• [AVAILABLE DATA]
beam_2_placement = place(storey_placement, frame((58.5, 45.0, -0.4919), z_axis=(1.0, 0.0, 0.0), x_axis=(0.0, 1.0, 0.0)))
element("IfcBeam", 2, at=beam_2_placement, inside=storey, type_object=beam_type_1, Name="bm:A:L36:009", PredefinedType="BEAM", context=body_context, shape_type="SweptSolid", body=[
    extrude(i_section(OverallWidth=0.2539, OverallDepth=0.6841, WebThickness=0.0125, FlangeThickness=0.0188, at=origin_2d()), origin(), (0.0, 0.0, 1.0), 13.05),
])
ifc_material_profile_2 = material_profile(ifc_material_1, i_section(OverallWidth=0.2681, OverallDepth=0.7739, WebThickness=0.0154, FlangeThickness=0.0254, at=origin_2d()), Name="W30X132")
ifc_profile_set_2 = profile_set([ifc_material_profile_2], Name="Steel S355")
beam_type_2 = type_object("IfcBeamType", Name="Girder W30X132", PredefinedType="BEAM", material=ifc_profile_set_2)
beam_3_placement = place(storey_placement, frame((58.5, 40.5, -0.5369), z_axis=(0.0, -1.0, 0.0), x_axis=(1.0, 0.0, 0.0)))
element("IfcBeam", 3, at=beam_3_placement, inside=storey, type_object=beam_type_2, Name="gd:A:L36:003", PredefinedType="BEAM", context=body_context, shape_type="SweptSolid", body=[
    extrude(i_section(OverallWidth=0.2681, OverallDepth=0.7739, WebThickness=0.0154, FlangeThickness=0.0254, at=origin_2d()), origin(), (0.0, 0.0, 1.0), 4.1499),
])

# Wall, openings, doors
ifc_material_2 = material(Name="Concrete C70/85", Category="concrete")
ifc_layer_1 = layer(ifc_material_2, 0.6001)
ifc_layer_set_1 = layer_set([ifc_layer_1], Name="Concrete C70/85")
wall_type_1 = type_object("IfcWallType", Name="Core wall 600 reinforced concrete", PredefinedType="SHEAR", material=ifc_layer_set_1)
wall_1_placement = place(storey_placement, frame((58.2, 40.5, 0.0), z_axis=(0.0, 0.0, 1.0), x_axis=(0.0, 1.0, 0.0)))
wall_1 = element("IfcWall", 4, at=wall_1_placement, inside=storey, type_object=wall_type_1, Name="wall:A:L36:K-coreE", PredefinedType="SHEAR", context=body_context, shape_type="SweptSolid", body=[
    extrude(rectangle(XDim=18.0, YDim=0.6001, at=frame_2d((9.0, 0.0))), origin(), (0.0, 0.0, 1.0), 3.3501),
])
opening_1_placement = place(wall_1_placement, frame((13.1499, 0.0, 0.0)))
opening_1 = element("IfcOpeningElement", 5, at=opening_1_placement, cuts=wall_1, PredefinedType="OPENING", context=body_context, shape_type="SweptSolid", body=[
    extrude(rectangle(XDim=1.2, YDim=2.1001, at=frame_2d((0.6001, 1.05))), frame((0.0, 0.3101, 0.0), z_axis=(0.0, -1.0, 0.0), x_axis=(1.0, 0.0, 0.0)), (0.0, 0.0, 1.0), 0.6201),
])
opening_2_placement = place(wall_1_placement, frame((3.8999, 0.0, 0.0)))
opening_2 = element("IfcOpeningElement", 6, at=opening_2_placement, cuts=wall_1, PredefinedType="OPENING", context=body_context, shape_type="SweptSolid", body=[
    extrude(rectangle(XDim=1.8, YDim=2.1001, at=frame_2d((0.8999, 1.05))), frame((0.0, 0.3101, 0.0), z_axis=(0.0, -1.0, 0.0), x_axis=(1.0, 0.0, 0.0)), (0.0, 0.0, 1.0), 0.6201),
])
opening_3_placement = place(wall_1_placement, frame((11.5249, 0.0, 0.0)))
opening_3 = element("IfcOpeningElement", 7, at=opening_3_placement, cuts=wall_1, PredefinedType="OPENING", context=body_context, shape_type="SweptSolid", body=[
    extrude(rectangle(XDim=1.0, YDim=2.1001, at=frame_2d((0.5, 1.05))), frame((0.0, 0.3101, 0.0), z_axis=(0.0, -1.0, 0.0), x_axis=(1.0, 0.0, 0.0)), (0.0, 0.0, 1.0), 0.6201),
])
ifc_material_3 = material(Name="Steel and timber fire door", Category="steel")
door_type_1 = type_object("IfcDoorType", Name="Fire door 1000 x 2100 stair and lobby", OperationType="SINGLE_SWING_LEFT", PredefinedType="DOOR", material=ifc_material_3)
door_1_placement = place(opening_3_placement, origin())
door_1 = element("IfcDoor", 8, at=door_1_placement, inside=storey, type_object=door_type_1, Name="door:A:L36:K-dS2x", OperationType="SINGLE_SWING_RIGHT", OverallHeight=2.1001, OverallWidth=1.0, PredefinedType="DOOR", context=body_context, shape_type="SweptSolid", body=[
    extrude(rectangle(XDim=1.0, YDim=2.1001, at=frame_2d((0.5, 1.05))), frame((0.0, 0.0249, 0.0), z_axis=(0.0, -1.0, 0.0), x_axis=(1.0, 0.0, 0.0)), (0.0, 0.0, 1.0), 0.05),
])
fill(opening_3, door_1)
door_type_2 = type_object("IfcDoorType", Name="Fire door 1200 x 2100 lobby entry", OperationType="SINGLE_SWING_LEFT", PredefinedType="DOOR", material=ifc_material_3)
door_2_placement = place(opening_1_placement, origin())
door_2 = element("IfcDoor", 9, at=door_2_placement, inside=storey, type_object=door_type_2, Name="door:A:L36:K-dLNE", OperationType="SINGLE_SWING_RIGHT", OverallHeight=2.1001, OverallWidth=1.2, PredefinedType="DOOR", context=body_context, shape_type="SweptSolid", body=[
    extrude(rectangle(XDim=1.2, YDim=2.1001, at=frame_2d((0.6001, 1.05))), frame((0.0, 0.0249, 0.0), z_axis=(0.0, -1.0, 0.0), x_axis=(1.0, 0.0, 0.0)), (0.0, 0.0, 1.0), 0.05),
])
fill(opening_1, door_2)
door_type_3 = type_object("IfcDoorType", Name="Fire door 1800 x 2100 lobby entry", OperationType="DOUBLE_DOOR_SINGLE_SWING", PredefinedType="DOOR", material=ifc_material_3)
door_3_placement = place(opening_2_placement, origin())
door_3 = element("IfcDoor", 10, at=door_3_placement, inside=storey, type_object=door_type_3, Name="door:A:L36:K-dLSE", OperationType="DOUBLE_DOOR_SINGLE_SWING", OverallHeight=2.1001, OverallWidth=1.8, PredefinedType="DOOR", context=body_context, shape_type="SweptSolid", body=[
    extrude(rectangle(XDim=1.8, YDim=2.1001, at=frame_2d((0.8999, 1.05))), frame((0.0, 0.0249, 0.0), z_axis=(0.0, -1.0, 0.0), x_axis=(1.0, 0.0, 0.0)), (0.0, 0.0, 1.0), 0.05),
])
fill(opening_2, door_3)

• [YOUR OBJECTIVE]
Take exactly the lines from the one containing "wall 600 reinforced" through the one containing "door_1_placement = place(opening_3_placement, origin())" in the data above, and output them with nothing added.

• [THE ANSWER]
wall_type_1 = type_object("IfcWallType", Name="Core wall 600 reinforced concrete", PredefinedType="SHEAR", material=ifc_layer_set_1)
wall_1_placement = place(storey_placement, frame((58.2, 40.5, 0.0), z_axis=(0.0, 0.0, 1.0), x_axis=(0.0, 1.0, 0.0)))
wall_1 = element("IfcWall", 4, at=wall_1_placement, inside=storey, type_object=wall_type_1, Name="wall:A:L36:K-coreE", PredefinedType="SHEAR", context=body_context, shape_type="SweptSolid", body=[
    extrude(rectangle(XDim=18.0, YDim=0.6001, at=frame_2d((9.0, 0.0))), origin(), (0.0, 0.0, 1.0), 3.3501),
])
opening_1_placement = place(wall_1_placement, frame((13.1499, 0.0, 0.0)))
opening_1 = element("IfcOpeningElement", 5, at=opening_1_placement, cuts=wall_1, PredefinedType="OPENING", context=body_context, shape_type="SweptSolid", body=[
    extrude(rectangle(XDim=1.2, YDim=2.1001, at=frame_2d((0.6001, 1.05))), frame((0.0, 0.3101, 0.0), z_axis=(0.0, -1.0, 0.0), x_axis=(1.0, 0.0, 0.0)), (0.0, 0.0, 1.0), 0.6201),
])
opening_2_placement = place(wall_1_placement, frame((3.8999, 0.0, 0.0)))
opening_2 = element("IfcOpeningElement", 6, at=opening_2_placement, cuts=wall_1, PredefinedType="OPENING", context=body_context, shape_type="SweptSolid", body=[
    extrude(rectangle(XDim=1.8, YDim=2.1001, at=frame_2d((0.8999, 1.05))), frame((0.0, 0.3101, 0.0), z_axis=(0.0, -1.0, 0.0), x_axis=(1.0, 0.0, 0.0)), (0.0, 0.0, 1.0), 0.6201),
])
opening_3_placement = place(wall_1_placement, frame((11.5249, 0.0, 0.0)))
opening_3 = element("IfcOpeningElement", 7, at=opening_3_placement, cuts=wall_1, PredefinedType="OPENING", context=body_context, shape_type="SweptSolid", body=[
    extrude(rectangle(XDim=1.0, YDim=2.1001, at=frame_2d((0.5, 1.05))), frame((0.0, 0.3101, 0.0), z_axis=(0.0, -1.0, 0.0), x_axis=(1.0, 0.0, 0.0)), (0.0, 0.0, 1.0), 0.6201),
])
ifc_material_3 = material(Name="Steel and timber fire door", Category="steel")
door_type_1 = type_object("IfcDoorType", Name="Fire door 1000 x 2100 stair and lobby", OperationType="SINGLE_SWING_LEFT", PredefinedType="DOOR", material=ifc_material_3)
door_1_placement = place(opening_3_placement, origin())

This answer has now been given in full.